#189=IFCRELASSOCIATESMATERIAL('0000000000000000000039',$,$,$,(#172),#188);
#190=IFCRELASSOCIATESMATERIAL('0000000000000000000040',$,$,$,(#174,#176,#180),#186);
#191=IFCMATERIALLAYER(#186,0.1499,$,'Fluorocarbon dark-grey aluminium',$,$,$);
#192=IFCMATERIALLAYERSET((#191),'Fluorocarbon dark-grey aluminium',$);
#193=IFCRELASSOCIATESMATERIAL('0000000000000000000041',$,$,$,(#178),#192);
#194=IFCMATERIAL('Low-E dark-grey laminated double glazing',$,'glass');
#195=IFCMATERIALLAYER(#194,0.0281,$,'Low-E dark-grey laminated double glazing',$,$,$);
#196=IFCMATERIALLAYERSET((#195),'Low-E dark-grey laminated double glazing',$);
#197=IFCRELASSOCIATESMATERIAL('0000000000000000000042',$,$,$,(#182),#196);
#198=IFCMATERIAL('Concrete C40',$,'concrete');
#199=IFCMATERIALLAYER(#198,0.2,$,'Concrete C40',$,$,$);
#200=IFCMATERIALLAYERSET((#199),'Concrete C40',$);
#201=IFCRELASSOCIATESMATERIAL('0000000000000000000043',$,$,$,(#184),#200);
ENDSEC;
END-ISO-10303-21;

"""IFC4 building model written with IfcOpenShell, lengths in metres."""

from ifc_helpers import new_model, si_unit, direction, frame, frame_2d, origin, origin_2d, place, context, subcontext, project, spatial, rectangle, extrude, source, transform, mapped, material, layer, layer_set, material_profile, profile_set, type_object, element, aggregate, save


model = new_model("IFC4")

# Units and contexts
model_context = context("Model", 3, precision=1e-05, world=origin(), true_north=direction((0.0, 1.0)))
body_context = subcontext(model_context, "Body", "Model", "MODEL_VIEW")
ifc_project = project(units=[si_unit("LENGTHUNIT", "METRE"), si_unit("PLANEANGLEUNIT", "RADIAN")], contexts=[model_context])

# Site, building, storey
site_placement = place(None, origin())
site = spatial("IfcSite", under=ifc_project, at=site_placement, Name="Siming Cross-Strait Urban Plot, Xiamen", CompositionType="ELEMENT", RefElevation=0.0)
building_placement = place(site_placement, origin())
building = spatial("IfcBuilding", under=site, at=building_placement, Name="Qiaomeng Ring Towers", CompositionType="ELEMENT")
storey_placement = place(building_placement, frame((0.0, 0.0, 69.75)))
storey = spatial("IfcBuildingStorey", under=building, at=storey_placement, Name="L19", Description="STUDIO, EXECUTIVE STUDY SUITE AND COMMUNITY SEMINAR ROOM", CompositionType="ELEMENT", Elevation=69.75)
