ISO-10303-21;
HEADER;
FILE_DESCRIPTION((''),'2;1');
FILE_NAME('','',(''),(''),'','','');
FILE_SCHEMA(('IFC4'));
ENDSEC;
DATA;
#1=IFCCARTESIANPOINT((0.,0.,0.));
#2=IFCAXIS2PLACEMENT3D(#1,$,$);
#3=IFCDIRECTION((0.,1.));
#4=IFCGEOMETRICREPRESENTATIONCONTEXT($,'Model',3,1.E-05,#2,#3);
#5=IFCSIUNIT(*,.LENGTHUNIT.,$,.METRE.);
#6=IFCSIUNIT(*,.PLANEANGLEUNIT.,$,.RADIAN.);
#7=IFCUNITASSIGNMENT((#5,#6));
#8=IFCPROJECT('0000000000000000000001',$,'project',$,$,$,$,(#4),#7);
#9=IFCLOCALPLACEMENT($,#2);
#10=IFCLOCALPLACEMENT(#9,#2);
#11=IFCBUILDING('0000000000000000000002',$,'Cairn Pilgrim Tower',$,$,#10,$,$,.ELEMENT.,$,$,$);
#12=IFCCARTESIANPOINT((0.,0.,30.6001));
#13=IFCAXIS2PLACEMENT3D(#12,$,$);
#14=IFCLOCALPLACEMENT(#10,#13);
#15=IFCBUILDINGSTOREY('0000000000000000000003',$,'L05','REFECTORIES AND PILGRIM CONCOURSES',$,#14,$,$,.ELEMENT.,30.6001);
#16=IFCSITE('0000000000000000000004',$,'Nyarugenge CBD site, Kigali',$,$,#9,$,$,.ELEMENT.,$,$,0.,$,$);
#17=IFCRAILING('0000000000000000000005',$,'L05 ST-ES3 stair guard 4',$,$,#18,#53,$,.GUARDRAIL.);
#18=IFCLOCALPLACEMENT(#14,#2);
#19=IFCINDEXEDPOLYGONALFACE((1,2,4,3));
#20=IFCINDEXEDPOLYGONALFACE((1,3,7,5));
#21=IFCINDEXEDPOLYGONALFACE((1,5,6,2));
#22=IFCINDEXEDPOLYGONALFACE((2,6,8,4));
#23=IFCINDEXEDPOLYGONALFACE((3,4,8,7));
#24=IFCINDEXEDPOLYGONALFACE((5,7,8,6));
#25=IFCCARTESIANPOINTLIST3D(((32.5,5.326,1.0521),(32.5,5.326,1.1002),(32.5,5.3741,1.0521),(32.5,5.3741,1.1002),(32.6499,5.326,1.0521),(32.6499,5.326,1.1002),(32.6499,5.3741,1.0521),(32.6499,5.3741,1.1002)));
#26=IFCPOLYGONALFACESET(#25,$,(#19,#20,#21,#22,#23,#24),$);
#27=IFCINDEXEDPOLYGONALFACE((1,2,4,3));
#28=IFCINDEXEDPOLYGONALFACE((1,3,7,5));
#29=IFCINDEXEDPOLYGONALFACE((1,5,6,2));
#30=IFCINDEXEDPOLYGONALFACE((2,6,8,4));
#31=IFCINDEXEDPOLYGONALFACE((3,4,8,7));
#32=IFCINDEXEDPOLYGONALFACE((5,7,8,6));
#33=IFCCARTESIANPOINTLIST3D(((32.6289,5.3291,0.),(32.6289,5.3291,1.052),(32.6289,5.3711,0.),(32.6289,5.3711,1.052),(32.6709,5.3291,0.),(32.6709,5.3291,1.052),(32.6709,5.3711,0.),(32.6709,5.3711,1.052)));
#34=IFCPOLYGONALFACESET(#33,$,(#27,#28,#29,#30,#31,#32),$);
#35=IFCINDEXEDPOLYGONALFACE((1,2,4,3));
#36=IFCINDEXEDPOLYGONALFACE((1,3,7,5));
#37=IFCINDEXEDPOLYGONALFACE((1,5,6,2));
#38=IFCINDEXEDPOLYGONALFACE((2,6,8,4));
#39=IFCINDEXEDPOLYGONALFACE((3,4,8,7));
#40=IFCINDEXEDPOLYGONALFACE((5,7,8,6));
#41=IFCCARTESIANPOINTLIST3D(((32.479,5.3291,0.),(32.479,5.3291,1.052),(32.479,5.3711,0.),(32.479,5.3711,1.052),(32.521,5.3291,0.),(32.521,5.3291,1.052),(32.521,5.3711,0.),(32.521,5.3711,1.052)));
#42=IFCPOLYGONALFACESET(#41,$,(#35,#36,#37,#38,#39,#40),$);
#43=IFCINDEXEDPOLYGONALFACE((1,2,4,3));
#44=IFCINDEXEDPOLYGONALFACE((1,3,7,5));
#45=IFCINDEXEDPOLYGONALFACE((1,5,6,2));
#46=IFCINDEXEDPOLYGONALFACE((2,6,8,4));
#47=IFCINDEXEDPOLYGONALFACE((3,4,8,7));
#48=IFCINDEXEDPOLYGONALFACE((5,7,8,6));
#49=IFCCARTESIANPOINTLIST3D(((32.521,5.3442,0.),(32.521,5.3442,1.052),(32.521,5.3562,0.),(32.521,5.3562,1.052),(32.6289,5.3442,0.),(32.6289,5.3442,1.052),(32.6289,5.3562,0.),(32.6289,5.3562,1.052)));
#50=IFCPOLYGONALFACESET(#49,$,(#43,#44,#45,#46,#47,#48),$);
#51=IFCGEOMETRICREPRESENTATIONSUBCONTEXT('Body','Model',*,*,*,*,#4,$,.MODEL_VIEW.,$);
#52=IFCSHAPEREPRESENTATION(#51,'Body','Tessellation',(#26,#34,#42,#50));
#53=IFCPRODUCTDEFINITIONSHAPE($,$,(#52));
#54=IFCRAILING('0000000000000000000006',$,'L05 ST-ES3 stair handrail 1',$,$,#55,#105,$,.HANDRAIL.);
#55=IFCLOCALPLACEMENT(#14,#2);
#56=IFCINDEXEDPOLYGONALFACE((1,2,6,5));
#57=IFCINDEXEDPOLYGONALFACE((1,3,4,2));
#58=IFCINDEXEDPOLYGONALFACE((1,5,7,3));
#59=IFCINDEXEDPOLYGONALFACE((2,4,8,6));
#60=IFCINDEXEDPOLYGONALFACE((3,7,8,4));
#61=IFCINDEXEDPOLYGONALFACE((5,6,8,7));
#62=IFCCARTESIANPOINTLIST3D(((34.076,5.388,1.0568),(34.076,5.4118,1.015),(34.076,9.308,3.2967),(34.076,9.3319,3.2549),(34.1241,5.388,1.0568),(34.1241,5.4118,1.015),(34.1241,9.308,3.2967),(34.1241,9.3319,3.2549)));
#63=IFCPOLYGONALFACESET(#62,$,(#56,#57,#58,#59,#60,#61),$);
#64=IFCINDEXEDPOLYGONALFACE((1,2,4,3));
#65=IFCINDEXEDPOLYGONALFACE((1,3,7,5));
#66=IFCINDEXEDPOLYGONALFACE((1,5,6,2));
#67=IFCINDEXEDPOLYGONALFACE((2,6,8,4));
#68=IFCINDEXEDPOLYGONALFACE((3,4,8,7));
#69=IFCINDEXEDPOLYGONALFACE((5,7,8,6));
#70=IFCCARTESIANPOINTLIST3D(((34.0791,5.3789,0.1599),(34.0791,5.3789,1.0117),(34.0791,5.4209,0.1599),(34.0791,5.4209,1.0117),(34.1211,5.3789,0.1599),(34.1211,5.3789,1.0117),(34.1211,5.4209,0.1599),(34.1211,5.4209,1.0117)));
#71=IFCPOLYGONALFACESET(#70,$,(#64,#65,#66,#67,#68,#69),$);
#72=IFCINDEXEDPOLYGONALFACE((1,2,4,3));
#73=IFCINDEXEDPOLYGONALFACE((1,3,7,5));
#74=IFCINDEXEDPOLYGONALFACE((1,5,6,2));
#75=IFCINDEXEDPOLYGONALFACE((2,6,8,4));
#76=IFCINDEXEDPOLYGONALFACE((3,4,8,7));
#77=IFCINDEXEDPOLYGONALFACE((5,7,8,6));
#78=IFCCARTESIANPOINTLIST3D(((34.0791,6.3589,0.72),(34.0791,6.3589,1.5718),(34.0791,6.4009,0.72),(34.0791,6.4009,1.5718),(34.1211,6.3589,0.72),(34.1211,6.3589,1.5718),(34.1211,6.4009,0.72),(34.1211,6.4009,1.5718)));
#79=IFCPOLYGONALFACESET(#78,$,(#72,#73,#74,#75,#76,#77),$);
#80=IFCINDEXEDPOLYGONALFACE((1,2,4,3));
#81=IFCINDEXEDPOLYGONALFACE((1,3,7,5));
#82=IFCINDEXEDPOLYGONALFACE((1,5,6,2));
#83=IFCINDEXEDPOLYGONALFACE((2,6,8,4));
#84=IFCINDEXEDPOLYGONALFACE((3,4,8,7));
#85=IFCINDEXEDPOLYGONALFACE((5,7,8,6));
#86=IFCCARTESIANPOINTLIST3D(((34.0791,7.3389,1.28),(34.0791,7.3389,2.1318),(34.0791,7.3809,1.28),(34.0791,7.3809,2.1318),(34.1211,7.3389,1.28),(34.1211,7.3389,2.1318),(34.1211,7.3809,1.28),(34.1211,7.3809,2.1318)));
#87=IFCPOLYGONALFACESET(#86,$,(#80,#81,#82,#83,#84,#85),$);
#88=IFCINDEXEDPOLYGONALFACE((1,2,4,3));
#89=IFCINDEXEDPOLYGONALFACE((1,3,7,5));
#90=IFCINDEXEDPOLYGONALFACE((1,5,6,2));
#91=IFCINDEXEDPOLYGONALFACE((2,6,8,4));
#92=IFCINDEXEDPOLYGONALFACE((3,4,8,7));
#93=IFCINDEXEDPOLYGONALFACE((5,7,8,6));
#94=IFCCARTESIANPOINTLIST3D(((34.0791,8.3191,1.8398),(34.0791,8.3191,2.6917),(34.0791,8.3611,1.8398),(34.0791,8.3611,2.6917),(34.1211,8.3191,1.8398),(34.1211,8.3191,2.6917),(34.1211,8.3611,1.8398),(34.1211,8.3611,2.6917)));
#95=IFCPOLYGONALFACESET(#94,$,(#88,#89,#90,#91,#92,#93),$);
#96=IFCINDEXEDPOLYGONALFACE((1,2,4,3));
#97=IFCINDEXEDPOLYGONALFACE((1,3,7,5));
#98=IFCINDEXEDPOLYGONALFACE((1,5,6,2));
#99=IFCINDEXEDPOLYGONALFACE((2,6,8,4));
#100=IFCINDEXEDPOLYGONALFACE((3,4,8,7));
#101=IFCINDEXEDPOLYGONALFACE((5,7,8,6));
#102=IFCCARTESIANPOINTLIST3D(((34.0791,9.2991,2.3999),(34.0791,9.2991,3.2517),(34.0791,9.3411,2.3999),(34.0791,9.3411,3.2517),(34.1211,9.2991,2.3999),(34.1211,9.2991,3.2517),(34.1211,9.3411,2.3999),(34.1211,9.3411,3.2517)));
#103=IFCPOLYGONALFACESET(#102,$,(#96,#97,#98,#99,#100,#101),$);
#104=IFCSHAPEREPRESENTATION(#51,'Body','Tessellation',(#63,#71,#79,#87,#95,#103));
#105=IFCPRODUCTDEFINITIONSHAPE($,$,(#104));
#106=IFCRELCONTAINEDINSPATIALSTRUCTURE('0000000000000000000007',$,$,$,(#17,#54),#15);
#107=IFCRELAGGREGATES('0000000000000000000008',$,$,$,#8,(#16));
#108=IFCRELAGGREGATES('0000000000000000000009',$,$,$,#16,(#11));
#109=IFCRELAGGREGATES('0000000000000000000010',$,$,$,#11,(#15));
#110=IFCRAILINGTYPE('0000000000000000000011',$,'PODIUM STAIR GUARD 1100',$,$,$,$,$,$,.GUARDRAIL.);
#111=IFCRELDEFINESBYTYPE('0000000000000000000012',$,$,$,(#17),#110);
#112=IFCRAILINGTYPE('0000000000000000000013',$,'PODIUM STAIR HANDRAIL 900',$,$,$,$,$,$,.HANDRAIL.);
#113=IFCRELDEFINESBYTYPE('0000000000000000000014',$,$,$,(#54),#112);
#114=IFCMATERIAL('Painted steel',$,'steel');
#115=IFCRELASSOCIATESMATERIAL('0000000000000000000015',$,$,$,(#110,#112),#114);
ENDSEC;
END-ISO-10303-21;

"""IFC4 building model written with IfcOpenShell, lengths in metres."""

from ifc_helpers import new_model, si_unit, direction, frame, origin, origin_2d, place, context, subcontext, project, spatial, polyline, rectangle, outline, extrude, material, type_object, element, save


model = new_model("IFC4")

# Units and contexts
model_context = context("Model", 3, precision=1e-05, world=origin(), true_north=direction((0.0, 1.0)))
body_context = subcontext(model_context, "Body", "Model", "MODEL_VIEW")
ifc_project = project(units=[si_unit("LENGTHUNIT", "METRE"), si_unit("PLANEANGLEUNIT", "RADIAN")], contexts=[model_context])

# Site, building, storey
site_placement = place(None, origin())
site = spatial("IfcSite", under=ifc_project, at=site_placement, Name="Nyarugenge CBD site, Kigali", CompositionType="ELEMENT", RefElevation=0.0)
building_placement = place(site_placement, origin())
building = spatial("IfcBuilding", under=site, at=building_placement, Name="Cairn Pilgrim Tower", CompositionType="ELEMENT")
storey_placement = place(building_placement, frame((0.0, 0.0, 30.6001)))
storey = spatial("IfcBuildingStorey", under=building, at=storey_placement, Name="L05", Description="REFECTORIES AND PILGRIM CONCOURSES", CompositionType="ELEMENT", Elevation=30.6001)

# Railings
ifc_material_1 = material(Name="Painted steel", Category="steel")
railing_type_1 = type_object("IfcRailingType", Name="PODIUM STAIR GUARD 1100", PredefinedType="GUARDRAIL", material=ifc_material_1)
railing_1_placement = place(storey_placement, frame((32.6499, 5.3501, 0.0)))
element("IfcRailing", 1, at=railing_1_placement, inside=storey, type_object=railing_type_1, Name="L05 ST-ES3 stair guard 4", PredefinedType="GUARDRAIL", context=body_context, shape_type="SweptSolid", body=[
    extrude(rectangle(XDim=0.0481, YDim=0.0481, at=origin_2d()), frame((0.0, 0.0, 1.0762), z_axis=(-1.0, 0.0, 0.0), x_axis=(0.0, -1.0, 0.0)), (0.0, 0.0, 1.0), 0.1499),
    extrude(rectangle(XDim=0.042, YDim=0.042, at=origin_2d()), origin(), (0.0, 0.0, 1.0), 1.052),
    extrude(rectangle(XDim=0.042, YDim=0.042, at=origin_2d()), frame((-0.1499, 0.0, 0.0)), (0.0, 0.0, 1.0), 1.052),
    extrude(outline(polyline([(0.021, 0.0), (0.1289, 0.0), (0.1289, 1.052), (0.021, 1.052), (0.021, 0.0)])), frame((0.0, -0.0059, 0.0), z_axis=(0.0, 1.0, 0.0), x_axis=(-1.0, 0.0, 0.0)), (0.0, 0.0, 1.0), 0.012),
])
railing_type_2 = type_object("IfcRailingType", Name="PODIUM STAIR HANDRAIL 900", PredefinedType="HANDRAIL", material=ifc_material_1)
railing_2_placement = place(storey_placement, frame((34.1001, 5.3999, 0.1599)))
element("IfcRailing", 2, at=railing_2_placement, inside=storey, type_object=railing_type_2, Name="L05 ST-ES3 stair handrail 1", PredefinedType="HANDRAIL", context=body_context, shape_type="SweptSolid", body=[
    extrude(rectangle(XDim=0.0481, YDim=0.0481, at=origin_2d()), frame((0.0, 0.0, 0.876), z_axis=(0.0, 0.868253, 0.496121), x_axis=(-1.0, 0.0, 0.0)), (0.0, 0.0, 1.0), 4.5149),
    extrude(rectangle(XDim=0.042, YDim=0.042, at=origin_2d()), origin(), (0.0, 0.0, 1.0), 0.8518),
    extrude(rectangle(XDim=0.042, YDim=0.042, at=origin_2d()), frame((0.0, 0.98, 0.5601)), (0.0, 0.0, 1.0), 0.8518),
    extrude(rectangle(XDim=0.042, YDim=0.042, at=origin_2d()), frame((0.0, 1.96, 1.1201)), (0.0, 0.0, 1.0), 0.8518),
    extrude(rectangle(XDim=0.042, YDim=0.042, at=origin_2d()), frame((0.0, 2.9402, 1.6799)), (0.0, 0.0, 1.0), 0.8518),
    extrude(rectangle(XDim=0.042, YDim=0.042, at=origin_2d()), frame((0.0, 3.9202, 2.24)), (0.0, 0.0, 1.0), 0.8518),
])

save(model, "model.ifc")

Aim of the task -
Show every line in the listing above that carries the word "IFCRELDEFINESBYTYPE".

Task output -
#111=IFCRELDEFINESBYTYPE('0000000000000000000012',$,$,$,(#17),#110);
#113=IFCRELDEFINESBYTYPE('0000000000000000000014',$,$,$,(#54),#112);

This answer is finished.